=== Section Start ===

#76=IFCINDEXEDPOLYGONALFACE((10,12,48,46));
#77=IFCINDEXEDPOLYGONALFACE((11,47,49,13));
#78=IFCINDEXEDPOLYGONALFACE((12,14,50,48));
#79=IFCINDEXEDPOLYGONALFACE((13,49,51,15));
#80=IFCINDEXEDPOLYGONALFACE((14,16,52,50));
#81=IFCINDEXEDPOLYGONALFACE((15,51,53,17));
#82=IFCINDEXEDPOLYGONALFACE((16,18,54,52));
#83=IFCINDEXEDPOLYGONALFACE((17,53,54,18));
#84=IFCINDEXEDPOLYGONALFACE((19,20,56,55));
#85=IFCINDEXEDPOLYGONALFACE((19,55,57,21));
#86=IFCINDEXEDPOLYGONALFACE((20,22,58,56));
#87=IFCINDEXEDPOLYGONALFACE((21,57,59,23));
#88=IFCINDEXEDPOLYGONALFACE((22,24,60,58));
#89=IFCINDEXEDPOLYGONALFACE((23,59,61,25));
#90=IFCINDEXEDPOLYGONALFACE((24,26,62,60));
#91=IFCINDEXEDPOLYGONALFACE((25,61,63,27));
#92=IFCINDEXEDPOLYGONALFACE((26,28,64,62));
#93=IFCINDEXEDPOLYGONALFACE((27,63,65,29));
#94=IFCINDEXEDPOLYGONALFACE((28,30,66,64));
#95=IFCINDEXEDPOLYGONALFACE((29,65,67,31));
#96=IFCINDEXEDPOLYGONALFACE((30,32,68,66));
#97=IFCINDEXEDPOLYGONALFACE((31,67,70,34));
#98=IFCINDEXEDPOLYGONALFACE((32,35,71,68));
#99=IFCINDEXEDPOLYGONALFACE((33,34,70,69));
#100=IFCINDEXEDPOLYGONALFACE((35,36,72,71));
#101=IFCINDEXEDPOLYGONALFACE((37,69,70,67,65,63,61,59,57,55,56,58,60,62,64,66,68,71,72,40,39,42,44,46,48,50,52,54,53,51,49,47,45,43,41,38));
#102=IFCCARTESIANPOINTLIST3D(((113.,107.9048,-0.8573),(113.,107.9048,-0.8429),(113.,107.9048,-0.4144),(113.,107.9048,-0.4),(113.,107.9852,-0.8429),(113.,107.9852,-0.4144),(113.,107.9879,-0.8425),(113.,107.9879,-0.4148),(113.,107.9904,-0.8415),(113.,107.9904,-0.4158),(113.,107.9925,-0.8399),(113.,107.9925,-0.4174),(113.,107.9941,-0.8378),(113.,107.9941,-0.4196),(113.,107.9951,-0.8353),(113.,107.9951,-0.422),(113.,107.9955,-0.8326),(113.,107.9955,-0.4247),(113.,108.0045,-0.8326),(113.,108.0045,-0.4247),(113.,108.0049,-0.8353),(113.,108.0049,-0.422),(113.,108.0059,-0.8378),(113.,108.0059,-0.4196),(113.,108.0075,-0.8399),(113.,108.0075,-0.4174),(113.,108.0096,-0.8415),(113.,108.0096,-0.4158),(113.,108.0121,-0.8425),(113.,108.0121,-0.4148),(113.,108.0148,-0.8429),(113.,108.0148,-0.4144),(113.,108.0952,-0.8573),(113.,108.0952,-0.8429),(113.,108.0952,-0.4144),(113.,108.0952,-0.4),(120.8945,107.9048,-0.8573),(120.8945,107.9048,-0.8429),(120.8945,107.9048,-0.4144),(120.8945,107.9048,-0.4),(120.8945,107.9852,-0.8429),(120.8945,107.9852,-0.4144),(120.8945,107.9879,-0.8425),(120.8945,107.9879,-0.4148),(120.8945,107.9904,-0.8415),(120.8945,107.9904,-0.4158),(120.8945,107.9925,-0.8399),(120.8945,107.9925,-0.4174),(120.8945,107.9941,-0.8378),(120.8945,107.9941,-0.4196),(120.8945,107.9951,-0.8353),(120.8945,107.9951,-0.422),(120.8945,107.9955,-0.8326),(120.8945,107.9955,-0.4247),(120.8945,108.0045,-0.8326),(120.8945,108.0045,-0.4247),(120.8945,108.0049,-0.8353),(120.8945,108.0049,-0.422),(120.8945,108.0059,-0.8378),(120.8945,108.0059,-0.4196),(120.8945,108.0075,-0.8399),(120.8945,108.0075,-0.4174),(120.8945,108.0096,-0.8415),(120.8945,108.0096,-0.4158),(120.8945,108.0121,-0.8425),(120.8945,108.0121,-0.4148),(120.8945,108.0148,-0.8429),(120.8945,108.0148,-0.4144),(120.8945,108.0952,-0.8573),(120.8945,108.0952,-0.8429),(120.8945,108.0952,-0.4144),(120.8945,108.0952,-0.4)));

=== Section End ===

## [What you have to do]
Transcribe each of the records above exactly.

## [Task result]
#76=IFCINDEXEDPOLYGONALFACE((10,12,48,46));
#77=IFCINDEXEDPOLYGONALFACE((11,47,49,13));
#78=IFCINDEXEDPOLYGONALFACE((12,14,50,48));
#79=IFCINDEXEDPOLYGONALFACE((13,49,51,15));
#80=IFCINDEXEDPOLYGONALFACE((14,16,52,50));
#81=IFCINDEXEDPOLYGONALFACE((15,51,53,17));
#82=IFCINDEXEDPOLYGONALFACE((16,18,54,52));
#83=IFCINDEXEDPOLYGONALFACE((17,53,54,18));
#84=IFCINDEXEDPOLYGONALFACE((19,20,56,55));
#85=IFCINDEXEDPOLYGONALFACE((19,55,57,21));
#86=IFCINDEXEDPOLYGONALFACE((20,22,58,56));
#87=IFCINDEXEDPOLYGONALFACE((21,57,59,23));
#88=IFCINDEXEDPOLYGONALFACE((22,24,60,58));
#89=IFCINDEXEDPOLYGONALFACE((23,59,61,25));
#90=IFCINDEXEDPOLYGONALFACE((24,26,62,60));
#91=IFCINDEXEDPOLYGONALFACE((25,61,63,27));
#92=IFCINDEXEDPOLYGONALFACE((26,28,64,62));
#93=IFCINDEXEDPOLYGONALFACE((27,63,65,29));
#94=IFCINDEXEDPOLYGONALFACE((28,30,66,64));
#95=IFCINDEXEDPOLYGONALFACE((29,65,67,31));
#96=IFCINDEXEDPOLYGONALFACE((30,32,68,66));
#97=IFCINDEXEDPOLYGONALFACE((31,67,70,34));
#98=IFCINDEXEDPOLYGONALFACE((32,35,71,68));
#99=IFCINDEXEDPOLYGONALFACE((33,34,70,69));
#100=IFCINDEXEDPOLYGONALFACE((35,36,72,71));
#101=IFCINDEXEDPOLYGONALFACE((37,69,70,67,65,63,61,59,57,55,56,58,60,62,64,66,68,71,72,40,39,42,44,46,48,50,52,54,53,51,49,47,45,43,41,38));
#102=IFCCARTESIANPOINTLIST3D(((113.,107.9048,-0.8573),(113.,107.9048,-0.8429),(113.,107.9048,-0.4144),(113.,107.9048,-0.4),(113.,107.9852,-0.8429),(113.,107.9852,-0.4144),(113.,107.9879,-0.8425),(113.,107.9879,-0.4148),(113.,107.9904,-0.8415),(113.,107.9904,-0.4158),(113.,107.9925,-0.8399),(113.,107.9925,-0.4174),(113.,107.9941,-0.8378),(113.,107.9941,-0.4196),(113.,107.9951,-0.8353),(113.,107.9951,-0.422),(113.,107.9955,-0.8326),(113.,107.9955,-0.4247),(113.,108.0045,-0.8326),(113.,108.0045,-0.4247),(113.,108.0049,-0.8353),(113.,108.0049,-0.422),(113.,108.0059,-0.8378),(113.,108.0059,-0.4196),(113.,108.0075,-0.8399),(113.,108.0075,-0.4174),(113.,108.0096,-0.8415),(113.,108.0096,-0.4158),(113.,108.0121,-0.8425),(113.,108.0121,-0.4148),(113.,108.0148,-0.8429),(113.,108.0148,-0.4144),(113.,108.0952,-0.8573),(113.,108.0952,-0.8429),(113.,108.0952,-0.4144),(113.,108.0952,-0.4),(120.8945,107.9048,-0.8573),(120.8945,107.9048,-0.8429),(120.8945,107.9048,-0.4144),(120.8945,107.9048,-0.4),(120.8945,107.9852,-0.8429),(120.8945,107.9852,-0.4144),(120.8945,107.9879,-0.8425),(120.8945,107.9879,-0.4148),(120.8945,107.9904,-0.8415),(120.8945,107.9904,-0.4158),(120.8945,107.9925,-0.8399),(120.8945,107.9925,-0.4174),(120.8945,107.9941,-0.8378),(120.8945,107.9941,-0.4196),(120.8945,107.9951,-0.8353),(120.8945,107.9951,-0.422),(120.8945,107.9955,-0.8326),(120.8945,107.9955,-0.4247),(120.8945,108.0045,-0.8326),(120.8945,108.0045,-0.4247),(120.8945,108.0049,-0.8353),(120.8945,108.0049,-0.422),(120.8945,108.0059,-0.8378),(120.8945,108.0059,-0.4196),(120.8945,108.0075,-0.8399),(120.8945,108.0075,-0.4174),(120.8945,108.0096,-0.8415),(120.8945,108.0096,-0.4158),(120.8945,108.0121,-0.8425),(120.8945,108.0121,-0.4148),(120.8945,108.0148,-0.8429),(120.8945,108.0148,-0.4144),(120.8945,108.0952,-0.8573),(120.8945,108.0952,-0.8429),(120.8945,108.0952,-0.4144),(120.8945,108.0952,-0.4)));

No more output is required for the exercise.